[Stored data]
[Start of Attachment]

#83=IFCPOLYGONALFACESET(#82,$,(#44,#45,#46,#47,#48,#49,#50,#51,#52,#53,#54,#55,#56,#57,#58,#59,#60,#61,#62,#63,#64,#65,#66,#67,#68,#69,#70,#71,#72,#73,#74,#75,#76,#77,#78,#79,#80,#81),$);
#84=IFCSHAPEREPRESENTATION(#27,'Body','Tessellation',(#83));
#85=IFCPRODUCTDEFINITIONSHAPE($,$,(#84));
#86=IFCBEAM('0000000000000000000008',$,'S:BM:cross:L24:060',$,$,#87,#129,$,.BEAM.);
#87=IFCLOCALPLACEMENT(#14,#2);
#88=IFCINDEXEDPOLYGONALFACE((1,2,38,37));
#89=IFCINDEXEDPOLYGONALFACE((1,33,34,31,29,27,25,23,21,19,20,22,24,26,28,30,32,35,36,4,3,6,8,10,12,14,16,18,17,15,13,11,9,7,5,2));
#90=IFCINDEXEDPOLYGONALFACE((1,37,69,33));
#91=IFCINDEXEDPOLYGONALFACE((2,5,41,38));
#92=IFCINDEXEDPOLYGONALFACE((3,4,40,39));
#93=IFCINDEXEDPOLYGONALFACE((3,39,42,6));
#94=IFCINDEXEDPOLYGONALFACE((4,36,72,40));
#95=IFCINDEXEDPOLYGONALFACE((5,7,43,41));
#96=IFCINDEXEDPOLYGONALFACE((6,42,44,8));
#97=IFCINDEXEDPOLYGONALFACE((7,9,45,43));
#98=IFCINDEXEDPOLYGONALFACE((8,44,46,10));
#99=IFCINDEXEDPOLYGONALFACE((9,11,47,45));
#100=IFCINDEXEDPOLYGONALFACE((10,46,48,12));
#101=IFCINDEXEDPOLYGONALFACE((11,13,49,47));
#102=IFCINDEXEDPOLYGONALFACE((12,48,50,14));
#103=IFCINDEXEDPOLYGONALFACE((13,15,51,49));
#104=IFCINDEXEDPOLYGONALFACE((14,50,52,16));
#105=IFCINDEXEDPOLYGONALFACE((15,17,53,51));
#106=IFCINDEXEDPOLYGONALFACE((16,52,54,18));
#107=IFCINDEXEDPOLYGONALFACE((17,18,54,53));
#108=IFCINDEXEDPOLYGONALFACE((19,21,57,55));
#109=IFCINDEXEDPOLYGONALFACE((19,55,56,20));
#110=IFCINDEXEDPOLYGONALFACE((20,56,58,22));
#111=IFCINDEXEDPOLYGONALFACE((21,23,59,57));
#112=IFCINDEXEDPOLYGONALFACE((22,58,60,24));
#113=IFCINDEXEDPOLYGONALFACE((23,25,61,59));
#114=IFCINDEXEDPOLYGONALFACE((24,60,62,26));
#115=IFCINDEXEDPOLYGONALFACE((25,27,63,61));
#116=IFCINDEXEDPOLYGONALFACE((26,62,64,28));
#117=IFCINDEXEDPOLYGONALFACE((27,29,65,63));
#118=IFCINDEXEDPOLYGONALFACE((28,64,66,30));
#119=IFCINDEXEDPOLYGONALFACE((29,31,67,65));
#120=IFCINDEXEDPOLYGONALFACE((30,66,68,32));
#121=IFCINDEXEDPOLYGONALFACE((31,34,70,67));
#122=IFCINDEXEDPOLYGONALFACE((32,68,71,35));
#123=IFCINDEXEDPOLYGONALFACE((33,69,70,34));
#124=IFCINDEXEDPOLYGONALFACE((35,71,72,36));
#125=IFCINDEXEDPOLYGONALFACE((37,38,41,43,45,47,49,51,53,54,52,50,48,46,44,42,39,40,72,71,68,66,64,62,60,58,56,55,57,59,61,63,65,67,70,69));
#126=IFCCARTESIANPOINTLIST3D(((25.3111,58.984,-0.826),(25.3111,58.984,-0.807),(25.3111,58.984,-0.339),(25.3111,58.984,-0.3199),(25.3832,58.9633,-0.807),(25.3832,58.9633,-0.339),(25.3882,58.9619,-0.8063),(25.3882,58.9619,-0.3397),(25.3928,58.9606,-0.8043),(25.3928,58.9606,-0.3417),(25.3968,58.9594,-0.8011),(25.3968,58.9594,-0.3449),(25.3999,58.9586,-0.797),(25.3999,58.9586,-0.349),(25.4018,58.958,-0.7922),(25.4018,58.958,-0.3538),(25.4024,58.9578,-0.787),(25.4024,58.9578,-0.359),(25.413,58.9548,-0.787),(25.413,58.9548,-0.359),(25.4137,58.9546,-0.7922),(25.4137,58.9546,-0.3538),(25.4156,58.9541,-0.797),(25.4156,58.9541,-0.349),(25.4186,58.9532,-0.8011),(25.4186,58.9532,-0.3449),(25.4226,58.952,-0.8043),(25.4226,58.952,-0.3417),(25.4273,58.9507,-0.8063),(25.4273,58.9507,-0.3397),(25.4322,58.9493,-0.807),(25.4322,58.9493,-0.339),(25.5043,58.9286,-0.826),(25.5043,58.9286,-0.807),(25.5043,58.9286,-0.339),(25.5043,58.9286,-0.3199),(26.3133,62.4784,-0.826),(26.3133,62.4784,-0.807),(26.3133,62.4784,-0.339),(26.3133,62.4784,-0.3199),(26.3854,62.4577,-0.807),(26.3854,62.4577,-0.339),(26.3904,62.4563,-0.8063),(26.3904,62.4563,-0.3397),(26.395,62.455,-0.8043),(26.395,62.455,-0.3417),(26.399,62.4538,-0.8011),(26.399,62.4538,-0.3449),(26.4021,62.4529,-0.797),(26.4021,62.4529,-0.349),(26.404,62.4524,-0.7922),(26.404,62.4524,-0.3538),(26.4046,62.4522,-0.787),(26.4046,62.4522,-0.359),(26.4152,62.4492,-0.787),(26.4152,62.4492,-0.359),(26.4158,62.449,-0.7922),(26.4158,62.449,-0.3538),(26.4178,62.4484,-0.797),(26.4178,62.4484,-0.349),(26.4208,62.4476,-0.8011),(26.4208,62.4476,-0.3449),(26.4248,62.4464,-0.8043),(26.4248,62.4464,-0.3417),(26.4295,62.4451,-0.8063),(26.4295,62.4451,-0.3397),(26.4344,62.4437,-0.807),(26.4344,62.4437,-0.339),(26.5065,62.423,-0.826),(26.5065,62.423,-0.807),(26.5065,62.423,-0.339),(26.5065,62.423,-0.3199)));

[End of Attachment]

### [Task to complete]
Please print, exactly and with nothing else, the lines from the first line of the entries through the line containing "#87=IFCLOCALPLACEMENT(#14,#2);".

### [Exercise response]
#83=IFCPOLYGONALFACESET(#82,$,(#44,#45,#46,#47,#48,#49,#50,#51,#52,#53,#54,#55,#56,#57,#58,#59,#60,#61,#62,#63,#64,#65,#66,#67,#68,#69,#70,#71,#72,#73,#74,#75,#76,#77,#78,#79,#80,#81),$);
#84=IFCSHAPEREPRESENTATION(#27,'Body','Tessellation',(#83));
#85=IFCPRODUCTDEFINITIONSHAPE($,$,(#84));
#86=IFCBEAM('0000000000000000000008',$,'S:BM:cross:L24:060',$,$,#87,#129,$,.BEAM.);
#87=IFCLOCALPLACEMENT(#14,#2);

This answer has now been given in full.